(Collected data entries)
+++++

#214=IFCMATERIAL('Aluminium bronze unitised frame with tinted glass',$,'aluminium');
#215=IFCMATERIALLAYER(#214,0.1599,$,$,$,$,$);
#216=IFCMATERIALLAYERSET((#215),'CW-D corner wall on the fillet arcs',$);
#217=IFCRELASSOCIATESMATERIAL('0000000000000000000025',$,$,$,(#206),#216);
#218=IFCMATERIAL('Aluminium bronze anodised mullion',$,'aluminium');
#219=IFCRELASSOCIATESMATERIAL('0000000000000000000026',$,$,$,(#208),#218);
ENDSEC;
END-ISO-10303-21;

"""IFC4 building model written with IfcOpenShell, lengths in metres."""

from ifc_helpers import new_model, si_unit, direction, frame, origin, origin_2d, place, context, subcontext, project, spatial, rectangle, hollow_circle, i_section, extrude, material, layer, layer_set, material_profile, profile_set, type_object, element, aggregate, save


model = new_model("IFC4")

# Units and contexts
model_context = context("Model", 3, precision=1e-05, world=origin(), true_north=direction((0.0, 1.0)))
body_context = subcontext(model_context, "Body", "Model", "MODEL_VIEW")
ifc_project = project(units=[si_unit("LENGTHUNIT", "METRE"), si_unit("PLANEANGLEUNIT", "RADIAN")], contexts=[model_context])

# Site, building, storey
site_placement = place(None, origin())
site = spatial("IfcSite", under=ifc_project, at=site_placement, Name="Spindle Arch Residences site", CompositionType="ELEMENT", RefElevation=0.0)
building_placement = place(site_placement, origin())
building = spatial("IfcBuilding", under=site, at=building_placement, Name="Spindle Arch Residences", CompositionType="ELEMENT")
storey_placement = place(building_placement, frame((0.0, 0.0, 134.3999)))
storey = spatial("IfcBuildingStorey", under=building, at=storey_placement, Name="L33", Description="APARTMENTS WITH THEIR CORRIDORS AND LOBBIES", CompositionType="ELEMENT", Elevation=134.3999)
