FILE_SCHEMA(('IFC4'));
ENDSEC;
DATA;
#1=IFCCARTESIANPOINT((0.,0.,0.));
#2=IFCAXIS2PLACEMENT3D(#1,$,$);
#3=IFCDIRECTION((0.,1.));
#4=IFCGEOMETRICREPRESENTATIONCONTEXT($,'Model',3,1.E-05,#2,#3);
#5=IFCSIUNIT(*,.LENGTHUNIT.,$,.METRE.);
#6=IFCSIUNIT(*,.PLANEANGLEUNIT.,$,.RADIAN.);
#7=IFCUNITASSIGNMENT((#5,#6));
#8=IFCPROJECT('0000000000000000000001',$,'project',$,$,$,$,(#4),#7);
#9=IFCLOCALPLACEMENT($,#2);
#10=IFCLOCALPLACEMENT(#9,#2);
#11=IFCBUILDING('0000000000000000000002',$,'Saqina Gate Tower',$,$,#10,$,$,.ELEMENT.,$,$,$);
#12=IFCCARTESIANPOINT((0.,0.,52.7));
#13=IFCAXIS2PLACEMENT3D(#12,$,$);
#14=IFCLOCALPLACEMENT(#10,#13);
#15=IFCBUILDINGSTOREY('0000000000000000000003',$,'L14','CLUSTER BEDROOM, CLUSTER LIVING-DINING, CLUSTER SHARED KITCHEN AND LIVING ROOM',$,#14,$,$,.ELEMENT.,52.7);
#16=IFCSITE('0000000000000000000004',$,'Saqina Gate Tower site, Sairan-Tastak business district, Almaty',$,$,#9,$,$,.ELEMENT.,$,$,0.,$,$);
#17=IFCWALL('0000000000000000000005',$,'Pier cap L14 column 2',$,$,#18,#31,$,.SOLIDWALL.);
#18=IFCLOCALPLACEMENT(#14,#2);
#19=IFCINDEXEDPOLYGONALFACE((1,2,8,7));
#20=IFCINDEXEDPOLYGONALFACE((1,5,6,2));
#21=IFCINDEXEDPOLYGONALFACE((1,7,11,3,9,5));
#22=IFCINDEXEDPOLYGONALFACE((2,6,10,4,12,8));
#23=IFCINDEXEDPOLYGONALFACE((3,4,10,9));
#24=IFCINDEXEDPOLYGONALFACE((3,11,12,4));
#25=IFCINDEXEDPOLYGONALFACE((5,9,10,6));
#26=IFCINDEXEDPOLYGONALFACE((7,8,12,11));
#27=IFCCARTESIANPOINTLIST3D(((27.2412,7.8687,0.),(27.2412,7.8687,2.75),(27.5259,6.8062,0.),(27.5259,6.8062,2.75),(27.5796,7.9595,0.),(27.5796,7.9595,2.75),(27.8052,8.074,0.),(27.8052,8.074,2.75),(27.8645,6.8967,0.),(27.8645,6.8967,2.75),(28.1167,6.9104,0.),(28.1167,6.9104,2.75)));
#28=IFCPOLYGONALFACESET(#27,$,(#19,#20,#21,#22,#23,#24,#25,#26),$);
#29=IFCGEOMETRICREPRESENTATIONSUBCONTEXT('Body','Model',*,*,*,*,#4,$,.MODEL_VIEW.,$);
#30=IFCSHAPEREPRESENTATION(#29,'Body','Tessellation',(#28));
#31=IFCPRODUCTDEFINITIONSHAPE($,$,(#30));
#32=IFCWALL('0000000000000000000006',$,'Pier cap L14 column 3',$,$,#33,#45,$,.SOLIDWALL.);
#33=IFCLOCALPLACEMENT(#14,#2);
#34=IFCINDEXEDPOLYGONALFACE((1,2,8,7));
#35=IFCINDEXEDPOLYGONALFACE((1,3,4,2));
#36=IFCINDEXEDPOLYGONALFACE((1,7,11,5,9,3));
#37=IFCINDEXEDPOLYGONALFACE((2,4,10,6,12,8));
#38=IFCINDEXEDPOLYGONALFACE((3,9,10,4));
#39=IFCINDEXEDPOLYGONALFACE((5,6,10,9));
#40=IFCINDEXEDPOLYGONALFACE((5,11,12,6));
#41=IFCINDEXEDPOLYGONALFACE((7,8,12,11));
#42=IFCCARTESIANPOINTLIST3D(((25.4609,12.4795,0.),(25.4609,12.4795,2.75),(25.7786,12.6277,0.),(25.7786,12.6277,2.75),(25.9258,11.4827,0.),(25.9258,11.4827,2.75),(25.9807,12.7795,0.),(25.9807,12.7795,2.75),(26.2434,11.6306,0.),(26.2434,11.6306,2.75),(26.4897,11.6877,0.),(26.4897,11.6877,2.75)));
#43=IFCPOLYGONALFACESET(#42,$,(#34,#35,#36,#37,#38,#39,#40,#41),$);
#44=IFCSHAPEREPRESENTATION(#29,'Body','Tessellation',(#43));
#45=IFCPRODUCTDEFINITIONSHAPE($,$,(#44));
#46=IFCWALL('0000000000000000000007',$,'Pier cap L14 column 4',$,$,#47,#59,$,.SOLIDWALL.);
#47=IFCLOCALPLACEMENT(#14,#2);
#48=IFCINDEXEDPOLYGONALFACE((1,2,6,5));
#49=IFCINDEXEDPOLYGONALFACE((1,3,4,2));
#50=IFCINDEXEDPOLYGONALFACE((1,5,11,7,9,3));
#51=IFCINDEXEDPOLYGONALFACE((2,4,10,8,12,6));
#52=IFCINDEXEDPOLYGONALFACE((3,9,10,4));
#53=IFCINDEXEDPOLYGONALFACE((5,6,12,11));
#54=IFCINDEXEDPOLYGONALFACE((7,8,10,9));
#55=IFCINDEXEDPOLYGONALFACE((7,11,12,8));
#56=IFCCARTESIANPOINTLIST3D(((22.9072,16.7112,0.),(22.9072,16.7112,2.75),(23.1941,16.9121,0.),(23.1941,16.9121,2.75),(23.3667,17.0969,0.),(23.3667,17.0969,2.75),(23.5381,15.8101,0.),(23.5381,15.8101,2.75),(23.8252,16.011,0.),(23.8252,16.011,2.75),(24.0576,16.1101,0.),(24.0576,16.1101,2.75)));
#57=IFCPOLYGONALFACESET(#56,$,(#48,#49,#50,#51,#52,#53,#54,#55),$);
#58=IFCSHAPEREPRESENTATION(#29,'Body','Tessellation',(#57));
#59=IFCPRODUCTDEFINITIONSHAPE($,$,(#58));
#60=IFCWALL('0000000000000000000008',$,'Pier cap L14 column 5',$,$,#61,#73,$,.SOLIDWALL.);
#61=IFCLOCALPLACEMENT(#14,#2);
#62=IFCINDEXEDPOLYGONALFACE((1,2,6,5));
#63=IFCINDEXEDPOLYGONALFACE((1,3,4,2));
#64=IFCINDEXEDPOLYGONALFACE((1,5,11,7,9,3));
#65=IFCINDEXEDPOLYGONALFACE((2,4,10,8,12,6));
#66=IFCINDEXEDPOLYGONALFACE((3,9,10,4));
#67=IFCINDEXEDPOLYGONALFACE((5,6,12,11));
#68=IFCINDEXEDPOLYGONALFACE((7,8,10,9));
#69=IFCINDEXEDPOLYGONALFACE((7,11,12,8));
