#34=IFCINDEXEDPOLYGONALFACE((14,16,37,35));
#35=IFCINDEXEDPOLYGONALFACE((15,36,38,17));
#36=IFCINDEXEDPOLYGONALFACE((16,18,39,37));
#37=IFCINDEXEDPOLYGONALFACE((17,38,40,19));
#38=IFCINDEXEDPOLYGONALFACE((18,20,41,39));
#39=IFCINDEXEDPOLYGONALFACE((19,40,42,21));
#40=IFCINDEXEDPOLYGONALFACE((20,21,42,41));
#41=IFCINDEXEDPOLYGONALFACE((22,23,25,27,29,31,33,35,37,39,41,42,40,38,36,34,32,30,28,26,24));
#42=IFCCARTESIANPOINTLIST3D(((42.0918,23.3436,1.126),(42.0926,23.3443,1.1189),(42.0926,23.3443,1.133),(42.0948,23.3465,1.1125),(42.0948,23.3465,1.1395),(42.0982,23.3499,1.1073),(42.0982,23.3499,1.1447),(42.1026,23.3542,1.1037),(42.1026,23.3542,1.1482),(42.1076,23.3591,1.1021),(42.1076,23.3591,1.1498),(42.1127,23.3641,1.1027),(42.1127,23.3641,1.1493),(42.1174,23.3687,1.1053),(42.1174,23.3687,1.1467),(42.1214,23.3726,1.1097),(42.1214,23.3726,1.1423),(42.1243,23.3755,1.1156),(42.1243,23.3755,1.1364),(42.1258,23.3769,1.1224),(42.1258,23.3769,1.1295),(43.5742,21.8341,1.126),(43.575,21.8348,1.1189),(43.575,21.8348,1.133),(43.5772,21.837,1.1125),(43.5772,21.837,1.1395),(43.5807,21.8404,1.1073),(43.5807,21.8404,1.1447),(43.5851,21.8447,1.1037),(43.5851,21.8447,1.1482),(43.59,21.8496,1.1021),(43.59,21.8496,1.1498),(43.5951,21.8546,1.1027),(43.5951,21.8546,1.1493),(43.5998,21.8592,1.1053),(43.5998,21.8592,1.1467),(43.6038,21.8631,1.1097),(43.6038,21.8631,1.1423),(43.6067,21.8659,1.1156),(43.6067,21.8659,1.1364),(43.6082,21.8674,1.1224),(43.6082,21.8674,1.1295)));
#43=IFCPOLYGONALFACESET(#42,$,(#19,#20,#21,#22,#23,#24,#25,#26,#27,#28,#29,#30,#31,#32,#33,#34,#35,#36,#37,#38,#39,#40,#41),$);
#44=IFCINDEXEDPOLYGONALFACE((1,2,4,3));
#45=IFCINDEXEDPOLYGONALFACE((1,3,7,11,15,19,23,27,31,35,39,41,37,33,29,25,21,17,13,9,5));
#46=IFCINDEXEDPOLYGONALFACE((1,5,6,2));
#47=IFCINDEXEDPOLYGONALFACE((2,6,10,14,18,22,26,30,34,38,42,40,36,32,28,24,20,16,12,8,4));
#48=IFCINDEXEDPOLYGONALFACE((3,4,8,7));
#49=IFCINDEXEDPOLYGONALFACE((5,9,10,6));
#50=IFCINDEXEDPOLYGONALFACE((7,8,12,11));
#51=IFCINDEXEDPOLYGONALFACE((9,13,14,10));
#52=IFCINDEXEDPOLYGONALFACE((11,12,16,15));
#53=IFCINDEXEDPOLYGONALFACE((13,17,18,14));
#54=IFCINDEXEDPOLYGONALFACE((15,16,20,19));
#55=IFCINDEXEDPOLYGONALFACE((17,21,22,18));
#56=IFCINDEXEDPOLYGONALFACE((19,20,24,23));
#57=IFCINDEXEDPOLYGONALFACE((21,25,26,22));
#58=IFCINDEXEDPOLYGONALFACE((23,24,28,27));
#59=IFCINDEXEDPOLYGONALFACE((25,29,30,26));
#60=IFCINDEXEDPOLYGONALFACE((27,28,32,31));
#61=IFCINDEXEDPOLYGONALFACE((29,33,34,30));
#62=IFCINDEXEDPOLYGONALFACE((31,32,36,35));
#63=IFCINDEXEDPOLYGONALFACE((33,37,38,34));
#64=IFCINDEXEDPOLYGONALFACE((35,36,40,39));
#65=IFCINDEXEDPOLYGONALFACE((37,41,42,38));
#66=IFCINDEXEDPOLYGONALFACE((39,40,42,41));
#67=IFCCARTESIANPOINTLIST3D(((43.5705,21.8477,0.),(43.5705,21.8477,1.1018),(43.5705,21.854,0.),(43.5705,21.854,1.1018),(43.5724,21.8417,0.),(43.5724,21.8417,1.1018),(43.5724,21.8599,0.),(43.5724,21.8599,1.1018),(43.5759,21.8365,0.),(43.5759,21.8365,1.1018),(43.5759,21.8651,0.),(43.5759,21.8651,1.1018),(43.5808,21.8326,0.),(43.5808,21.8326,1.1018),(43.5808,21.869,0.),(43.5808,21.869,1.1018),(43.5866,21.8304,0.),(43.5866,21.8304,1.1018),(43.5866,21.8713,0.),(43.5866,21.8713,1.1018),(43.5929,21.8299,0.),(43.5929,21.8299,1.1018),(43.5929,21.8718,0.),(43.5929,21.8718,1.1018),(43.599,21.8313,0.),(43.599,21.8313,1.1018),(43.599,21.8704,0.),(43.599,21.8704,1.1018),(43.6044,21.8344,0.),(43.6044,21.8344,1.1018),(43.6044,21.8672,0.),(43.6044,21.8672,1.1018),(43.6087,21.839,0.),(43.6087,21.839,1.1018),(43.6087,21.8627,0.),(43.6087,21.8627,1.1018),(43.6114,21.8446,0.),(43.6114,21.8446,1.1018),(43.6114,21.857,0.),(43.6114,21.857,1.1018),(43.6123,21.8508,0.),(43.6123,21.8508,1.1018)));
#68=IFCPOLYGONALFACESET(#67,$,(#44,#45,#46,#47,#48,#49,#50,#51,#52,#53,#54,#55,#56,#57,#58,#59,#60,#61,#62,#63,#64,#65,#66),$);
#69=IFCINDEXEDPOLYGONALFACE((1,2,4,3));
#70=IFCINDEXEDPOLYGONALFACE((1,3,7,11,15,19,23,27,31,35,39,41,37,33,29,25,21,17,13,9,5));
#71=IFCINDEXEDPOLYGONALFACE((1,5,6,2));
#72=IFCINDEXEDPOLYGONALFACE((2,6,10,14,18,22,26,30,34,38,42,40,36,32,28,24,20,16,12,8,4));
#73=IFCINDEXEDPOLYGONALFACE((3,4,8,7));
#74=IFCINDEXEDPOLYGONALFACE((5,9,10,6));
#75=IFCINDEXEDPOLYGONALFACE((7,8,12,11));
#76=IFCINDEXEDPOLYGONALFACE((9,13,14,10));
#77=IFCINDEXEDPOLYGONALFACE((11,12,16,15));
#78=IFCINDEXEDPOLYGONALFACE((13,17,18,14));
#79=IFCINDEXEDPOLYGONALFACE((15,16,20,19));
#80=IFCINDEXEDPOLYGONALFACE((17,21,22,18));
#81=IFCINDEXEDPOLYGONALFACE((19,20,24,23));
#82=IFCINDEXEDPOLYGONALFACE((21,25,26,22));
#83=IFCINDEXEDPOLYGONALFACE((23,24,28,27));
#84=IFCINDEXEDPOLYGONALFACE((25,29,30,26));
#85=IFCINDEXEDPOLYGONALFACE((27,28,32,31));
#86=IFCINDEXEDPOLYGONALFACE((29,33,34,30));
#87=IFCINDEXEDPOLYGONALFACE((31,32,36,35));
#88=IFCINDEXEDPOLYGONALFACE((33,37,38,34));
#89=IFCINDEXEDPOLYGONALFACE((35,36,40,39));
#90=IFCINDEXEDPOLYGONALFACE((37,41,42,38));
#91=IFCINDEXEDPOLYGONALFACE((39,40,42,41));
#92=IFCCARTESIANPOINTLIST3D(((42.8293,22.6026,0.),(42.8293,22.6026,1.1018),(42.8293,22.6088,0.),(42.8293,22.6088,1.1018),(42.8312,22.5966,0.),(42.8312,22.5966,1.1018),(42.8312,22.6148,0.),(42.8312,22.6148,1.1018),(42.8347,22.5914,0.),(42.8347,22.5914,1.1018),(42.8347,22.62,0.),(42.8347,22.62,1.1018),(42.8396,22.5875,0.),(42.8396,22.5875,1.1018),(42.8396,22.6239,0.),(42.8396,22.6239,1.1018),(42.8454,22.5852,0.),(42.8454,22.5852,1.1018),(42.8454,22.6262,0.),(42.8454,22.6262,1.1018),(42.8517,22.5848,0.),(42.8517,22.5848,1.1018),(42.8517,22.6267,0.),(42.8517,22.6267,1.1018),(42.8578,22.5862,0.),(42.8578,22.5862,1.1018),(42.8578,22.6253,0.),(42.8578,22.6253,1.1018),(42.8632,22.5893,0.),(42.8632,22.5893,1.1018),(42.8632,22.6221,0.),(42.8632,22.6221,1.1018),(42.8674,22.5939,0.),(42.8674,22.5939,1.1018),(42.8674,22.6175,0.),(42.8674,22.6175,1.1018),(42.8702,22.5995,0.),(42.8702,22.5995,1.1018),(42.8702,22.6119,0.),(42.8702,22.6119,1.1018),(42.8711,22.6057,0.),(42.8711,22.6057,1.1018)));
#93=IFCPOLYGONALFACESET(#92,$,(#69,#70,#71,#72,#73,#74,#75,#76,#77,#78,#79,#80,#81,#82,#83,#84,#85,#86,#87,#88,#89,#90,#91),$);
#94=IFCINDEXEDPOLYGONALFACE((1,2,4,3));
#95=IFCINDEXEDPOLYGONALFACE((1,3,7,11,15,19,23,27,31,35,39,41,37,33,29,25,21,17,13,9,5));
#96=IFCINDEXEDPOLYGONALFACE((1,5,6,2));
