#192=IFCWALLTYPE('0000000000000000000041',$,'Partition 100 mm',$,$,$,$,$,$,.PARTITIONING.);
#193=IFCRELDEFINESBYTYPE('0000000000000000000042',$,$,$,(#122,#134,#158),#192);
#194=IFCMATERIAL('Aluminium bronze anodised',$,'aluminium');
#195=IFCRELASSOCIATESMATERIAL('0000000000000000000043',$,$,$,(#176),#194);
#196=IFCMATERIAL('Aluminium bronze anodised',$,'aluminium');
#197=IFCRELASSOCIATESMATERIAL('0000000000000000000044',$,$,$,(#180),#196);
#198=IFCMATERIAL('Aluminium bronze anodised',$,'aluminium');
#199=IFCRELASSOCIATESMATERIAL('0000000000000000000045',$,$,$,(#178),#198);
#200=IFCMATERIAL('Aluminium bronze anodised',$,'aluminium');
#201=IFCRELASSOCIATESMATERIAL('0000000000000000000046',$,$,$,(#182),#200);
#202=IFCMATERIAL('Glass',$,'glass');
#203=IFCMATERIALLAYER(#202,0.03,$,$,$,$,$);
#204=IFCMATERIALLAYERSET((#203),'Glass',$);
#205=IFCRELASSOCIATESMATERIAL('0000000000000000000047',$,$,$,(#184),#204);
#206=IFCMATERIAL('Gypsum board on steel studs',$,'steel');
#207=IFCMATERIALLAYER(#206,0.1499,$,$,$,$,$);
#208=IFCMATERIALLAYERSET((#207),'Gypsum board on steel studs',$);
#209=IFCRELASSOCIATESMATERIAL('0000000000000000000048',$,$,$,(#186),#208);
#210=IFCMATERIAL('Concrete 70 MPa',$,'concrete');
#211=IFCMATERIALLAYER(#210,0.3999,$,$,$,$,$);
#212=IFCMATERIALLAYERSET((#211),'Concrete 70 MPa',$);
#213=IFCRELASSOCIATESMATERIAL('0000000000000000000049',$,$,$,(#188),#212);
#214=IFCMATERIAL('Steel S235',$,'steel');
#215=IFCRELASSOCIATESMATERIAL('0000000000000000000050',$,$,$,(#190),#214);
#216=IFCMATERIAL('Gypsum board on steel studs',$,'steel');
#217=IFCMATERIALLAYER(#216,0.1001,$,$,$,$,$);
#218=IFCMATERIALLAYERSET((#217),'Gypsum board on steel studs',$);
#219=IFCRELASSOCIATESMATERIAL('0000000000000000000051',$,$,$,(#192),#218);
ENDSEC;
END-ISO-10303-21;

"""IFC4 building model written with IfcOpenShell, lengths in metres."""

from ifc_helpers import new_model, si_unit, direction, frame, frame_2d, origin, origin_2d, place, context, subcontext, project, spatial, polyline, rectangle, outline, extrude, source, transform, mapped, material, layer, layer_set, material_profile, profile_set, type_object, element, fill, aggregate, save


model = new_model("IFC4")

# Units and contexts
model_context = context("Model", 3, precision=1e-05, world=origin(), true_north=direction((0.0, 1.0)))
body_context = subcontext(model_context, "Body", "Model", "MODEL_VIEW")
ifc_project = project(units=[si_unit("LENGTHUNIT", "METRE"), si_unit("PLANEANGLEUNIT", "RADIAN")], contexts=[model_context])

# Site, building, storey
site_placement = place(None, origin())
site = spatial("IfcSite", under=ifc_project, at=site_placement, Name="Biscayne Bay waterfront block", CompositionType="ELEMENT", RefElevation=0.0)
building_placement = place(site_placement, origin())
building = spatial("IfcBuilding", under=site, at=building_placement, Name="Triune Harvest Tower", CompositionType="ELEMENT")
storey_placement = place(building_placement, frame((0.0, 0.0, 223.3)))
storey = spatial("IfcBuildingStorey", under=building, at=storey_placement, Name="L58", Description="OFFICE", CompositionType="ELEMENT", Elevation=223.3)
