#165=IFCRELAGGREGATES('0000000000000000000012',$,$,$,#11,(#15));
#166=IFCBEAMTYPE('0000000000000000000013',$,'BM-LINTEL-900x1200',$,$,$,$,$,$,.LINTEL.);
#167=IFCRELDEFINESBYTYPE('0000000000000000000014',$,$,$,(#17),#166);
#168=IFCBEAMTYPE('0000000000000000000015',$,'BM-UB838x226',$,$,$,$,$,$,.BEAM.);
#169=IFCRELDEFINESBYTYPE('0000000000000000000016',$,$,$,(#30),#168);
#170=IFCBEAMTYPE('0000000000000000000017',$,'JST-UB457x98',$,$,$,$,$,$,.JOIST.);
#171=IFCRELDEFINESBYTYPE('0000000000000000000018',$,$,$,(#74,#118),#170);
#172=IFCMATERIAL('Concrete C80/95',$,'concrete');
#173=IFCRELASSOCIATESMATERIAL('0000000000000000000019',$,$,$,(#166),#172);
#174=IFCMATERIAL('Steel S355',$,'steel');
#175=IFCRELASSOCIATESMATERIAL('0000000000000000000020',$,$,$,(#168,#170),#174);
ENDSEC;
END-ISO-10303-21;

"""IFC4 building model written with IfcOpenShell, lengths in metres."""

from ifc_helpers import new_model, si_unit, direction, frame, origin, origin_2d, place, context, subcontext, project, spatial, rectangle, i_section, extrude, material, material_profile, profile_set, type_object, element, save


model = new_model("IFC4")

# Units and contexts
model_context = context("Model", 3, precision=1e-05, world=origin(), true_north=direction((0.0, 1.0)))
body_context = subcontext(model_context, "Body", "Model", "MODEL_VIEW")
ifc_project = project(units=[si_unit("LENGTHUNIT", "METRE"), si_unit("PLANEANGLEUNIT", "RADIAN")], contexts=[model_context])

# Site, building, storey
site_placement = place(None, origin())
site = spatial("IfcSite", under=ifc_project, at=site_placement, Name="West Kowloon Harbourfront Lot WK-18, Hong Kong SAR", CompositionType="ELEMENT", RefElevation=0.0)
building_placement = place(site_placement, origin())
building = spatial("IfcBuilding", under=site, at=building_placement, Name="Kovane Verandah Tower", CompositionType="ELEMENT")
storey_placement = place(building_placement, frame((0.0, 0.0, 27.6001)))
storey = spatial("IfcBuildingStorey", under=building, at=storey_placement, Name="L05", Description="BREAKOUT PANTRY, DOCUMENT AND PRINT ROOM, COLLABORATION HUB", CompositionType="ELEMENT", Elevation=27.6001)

+++++

= Problem =
Given the records above, reproduce precisely and only the lines between the line holding "#56=IFCINDEXEDPOLYGONALFACE((19,20,24,23));" and the line holding "#66=IFCINDEXEDPOLYGONALFACE((39,40,42,41));", inclusive.

= Solution to this exercise =
#56=IFCINDEXEDPOLYGONALFACE((19,20,24,23));
#57=IFCINDEXEDPOLYGONALFACE((21,25,26,22));
#58=IFCINDEXEDPOLYGONALFACE((23,24,28,27));
#59=IFCINDEXEDPOLYGONALFACE((25,29,30,26));
#60=IFCINDEXEDPOLYGONALFACE((27,28,32,31));
#61=IFCINDEXEDPOLYGONALFACE((29,33,34,30));
#62=IFCINDEXEDPOLYGONALFACE((31,32,36,35));
#63=IFCINDEXEDPOLYGONALFACE((33,37,38,34));
#64=IFCINDEXEDPOLYGONALFACE((35,36,40,39));
#65=IFCINDEXEDPOLYGONALFACE((37,41,42,38));
#66=IFCINDEXEDPOLYGONALFACE((39,40,42,41));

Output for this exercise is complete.